*The problem:*
Using the material below, copy every line where "Corbel" appears.

*Data for this task:*
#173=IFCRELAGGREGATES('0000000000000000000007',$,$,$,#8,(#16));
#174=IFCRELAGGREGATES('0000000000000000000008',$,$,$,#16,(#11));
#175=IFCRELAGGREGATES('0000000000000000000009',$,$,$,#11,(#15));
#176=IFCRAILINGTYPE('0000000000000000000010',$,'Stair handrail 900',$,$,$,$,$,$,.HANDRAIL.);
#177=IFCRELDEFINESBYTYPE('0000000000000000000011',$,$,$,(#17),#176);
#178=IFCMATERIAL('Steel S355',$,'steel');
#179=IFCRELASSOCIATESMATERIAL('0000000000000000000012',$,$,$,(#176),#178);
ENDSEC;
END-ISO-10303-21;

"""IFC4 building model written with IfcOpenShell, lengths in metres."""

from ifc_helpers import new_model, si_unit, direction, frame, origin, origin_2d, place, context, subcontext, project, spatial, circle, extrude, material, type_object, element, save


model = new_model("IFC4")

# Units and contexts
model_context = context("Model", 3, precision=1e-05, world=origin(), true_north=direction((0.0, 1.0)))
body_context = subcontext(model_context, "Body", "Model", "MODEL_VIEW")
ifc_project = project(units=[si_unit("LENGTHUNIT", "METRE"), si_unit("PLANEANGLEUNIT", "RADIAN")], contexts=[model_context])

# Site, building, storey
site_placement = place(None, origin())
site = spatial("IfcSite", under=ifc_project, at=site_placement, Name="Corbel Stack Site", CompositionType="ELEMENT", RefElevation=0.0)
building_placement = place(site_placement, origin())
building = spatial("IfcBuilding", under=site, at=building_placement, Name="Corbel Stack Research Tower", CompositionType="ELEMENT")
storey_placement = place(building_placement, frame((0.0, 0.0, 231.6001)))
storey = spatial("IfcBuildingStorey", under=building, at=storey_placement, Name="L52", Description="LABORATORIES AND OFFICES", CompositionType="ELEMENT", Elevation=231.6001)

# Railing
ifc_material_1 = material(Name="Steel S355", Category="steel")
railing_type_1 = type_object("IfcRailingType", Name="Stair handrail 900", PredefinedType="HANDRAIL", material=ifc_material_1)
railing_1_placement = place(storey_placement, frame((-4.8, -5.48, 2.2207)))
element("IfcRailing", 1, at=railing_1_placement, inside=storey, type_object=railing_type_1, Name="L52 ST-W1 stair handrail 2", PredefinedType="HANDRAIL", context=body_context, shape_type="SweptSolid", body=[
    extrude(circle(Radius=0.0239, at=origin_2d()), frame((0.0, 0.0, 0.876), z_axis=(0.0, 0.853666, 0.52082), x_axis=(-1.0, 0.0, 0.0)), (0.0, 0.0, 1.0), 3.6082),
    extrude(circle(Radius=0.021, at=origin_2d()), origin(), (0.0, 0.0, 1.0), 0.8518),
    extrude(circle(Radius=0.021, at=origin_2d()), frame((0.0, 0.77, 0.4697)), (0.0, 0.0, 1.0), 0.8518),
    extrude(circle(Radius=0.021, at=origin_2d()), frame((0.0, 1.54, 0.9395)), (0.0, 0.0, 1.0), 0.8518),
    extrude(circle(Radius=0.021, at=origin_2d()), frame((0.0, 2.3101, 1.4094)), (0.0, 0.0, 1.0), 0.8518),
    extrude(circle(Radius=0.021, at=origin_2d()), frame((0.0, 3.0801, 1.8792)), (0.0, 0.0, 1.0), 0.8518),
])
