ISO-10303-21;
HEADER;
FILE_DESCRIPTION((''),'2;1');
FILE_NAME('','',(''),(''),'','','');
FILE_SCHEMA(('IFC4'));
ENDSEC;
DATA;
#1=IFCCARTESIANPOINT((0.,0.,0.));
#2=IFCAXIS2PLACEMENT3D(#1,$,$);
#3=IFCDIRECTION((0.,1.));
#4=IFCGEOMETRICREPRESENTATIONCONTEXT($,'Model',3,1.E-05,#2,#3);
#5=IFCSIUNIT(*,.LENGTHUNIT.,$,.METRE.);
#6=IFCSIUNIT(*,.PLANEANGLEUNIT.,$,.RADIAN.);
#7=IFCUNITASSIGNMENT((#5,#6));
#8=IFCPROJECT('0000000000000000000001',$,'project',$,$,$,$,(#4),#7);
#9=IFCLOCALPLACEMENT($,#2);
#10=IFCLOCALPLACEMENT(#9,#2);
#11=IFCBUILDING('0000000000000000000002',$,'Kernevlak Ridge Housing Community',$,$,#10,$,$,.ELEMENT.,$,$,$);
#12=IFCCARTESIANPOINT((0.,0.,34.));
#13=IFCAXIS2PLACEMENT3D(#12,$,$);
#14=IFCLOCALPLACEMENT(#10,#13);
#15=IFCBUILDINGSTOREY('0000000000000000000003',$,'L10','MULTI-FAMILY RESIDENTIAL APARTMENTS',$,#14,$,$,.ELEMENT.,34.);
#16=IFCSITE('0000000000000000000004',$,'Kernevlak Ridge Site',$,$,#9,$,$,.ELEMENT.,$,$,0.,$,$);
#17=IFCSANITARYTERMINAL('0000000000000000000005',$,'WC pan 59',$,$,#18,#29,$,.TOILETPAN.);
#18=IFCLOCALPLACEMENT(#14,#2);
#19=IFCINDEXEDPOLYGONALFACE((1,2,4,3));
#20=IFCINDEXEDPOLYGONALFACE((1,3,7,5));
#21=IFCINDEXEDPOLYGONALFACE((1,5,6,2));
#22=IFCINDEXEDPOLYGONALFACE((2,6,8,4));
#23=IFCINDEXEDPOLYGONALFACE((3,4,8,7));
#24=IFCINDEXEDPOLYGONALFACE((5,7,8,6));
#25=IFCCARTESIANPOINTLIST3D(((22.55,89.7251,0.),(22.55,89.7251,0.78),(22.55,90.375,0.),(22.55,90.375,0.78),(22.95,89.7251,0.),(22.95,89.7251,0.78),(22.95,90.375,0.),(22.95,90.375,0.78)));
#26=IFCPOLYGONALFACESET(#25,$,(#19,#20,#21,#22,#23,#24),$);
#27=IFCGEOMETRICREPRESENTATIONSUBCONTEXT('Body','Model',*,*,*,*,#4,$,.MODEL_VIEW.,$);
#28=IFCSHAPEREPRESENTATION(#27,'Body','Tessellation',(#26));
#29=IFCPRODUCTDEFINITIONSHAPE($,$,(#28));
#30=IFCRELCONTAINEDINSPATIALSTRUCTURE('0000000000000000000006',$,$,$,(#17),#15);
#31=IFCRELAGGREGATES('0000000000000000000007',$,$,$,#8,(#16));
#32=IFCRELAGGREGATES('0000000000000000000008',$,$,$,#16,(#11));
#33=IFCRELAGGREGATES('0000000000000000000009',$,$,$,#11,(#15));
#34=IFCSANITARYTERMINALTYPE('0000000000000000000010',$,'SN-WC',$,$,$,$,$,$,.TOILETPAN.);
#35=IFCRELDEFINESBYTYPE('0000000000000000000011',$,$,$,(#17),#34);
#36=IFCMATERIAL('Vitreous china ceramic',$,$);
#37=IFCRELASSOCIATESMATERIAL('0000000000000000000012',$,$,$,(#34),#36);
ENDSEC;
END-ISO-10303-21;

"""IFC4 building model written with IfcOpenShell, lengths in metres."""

from ifc_helpers import new_model, si_unit, direction, frame, origin, origin_2d, place, context, subcontext, project, spatial, rectangle, extrude, material, type_object, element, save


model = new_model("IFC4")

# Units and contexts
model_context = context("Model", 3, precision=1e-05, world=origin(), true_north=direction((0.0, 1.0)))
body_context = subcontext(model_context, "Body", "Model", "MODEL_VIEW")
ifc_project = project(units=[si_unit("LENGTHUNIT", "METRE"), si_unit("PLANEANGLEUNIT", "RADIAN")], contexts=[model_context])

# Site, building, storey
site_placement = place(None, origin())
site = spatial("IfcSite", under=ifc_project, at=site_placement, Name="Kernevlak Ridge Site", CompositionType="ELEMENT", RefElevation=0.0)
building_placement = place(site_placement, origin())
building = spatial("IfcBuilding", under=site, at=building_placement, Name="Kernevlak Ridge Housing Community", CompositionType="ELEMENT")
storey_placement = place(building_placement, frame((0.0, 0.0, 34.0)))
storey = spatial("IfcBuildingStorey", under=building, at=storey_placement, Name="L10", Description="MULTI-FAMILY RESIDENTIAL APARTMENTS", CompositionType="ELEMENT", Elevation=34.0)

# Sanitary terminal
ifc_material_1 = material(Name="Vitreous china ceramic")
sanitary_terminal_type_1 = type_object("IfcSanitaryTerminalType", Name="SN-WC", PredefinedType="TOILETPAN", material=ifc_material_1)
sanitary_terminal_1_placement = place(storey_placement, frame((22.75, 90.05, 0.0), z_axis=(0.0, 0.0, 1.0), x_axis=(1.0, 0.0, 0.0)))
element("IfcSanitaryTerminal", 1, at=sanitary_terminal_1_placement, inside=storey, type_object=sanitary_terminal_type_1, Name="WC pan 59", PredefinedType="TOILETPAN", context=body_context, shape_type="SweptSolid", body=[
    extrude(rectangle(XDim=0.3999, YDim=0.6499, at=origin_2d()), origin(), (0.0, 0.0, 1.0), 0.78),
])

save(model, "model.ifc")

*Solved problem:*
site = spatial("IfcSite", under=ifc_project, at=site_placement, Name="Corbel Stack Site", CompositionType="ELEMENT", RefElevation=0.0)
building = spatial("IfcBuilding", under=site, at=building_placement, Name="Corbel Stack Research Tower", CompositionType="ELEMENT")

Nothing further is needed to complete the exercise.